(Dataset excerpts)
= = = = = = =

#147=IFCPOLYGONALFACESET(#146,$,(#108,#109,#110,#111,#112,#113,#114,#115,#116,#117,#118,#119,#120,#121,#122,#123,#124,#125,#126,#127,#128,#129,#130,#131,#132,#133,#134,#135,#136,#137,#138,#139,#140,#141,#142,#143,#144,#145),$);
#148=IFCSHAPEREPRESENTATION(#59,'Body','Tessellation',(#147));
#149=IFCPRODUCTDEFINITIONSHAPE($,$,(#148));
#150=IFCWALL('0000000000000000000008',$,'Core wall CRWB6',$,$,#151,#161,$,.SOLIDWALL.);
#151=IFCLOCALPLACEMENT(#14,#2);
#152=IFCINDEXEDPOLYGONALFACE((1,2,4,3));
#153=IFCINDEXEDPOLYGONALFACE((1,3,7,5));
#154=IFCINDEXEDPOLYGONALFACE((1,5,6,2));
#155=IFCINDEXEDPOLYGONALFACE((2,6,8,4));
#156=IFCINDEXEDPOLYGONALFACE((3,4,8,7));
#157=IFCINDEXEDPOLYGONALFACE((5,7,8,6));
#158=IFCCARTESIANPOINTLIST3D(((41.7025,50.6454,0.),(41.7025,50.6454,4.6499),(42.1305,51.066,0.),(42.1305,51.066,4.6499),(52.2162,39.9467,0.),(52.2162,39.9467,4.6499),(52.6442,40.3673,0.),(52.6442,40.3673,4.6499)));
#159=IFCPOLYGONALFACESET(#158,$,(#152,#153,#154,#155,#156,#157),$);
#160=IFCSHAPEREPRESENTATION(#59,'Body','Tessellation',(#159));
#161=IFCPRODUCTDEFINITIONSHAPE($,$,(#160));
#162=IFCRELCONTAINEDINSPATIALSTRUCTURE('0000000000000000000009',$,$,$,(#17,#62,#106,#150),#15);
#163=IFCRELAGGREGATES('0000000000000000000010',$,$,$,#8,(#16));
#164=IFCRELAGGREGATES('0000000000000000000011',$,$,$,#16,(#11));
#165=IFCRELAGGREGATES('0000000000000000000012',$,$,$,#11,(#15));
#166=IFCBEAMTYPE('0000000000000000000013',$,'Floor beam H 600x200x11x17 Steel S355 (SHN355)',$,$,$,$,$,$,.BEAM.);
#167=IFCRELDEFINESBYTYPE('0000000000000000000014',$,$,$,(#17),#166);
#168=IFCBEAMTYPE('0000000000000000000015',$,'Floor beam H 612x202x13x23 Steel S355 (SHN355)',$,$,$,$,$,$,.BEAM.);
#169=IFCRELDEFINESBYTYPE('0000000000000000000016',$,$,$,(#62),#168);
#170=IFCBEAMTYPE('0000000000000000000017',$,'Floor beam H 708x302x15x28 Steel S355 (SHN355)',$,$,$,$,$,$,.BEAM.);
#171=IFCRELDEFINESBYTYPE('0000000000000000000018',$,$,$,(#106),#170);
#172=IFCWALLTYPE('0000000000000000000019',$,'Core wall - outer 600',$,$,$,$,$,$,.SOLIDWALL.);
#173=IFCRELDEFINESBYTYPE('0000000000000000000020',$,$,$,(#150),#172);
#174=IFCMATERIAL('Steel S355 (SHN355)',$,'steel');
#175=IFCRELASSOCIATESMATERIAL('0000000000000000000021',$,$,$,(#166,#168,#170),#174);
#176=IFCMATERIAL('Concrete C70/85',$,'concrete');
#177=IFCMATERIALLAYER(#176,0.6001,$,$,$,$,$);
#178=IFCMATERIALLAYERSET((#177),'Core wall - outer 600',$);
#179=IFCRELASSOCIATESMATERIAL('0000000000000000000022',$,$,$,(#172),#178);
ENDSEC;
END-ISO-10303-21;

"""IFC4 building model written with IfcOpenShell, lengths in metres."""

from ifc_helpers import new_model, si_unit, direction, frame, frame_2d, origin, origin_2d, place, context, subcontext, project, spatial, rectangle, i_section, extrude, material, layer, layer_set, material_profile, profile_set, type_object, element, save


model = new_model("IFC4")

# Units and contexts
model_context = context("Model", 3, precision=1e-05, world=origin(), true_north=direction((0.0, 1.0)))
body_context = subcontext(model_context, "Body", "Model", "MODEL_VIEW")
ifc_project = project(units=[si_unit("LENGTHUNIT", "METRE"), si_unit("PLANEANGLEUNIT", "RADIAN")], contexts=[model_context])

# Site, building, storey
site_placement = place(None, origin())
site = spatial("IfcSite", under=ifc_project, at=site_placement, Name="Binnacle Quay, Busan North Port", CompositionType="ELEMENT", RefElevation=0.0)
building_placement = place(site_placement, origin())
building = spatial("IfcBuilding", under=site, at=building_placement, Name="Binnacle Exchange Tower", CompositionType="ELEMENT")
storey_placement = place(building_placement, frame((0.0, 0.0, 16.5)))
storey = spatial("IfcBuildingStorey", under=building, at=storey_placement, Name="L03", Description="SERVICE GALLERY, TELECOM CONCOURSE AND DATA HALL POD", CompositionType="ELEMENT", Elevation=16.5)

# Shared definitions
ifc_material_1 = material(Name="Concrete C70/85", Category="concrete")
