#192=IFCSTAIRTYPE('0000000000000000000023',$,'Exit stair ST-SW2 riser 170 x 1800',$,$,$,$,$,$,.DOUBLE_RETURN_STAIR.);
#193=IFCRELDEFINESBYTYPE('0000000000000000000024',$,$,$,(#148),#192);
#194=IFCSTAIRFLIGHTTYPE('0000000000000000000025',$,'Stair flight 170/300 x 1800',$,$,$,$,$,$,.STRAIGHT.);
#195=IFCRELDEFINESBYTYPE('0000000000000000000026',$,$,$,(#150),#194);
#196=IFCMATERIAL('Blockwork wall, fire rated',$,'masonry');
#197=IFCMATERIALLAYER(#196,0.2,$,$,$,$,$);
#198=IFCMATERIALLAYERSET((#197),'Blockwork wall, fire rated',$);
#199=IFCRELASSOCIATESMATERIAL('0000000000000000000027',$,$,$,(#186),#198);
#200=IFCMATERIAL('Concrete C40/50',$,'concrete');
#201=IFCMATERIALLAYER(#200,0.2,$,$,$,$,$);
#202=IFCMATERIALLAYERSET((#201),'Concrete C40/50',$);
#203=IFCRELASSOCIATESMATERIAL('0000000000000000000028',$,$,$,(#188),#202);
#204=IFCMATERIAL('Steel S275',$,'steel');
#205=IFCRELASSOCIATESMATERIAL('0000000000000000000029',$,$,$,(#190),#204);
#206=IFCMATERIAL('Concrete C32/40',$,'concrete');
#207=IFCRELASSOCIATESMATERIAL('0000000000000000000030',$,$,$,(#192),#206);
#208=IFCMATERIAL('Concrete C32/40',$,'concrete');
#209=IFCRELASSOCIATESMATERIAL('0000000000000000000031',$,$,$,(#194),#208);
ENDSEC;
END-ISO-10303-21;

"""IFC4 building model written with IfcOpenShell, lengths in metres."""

= = = = = = =

## Work to be completed
Taking the records as a whole, report how many of their lines include the word "BEAM". Nothing but the number is wanted.

## The completed task
3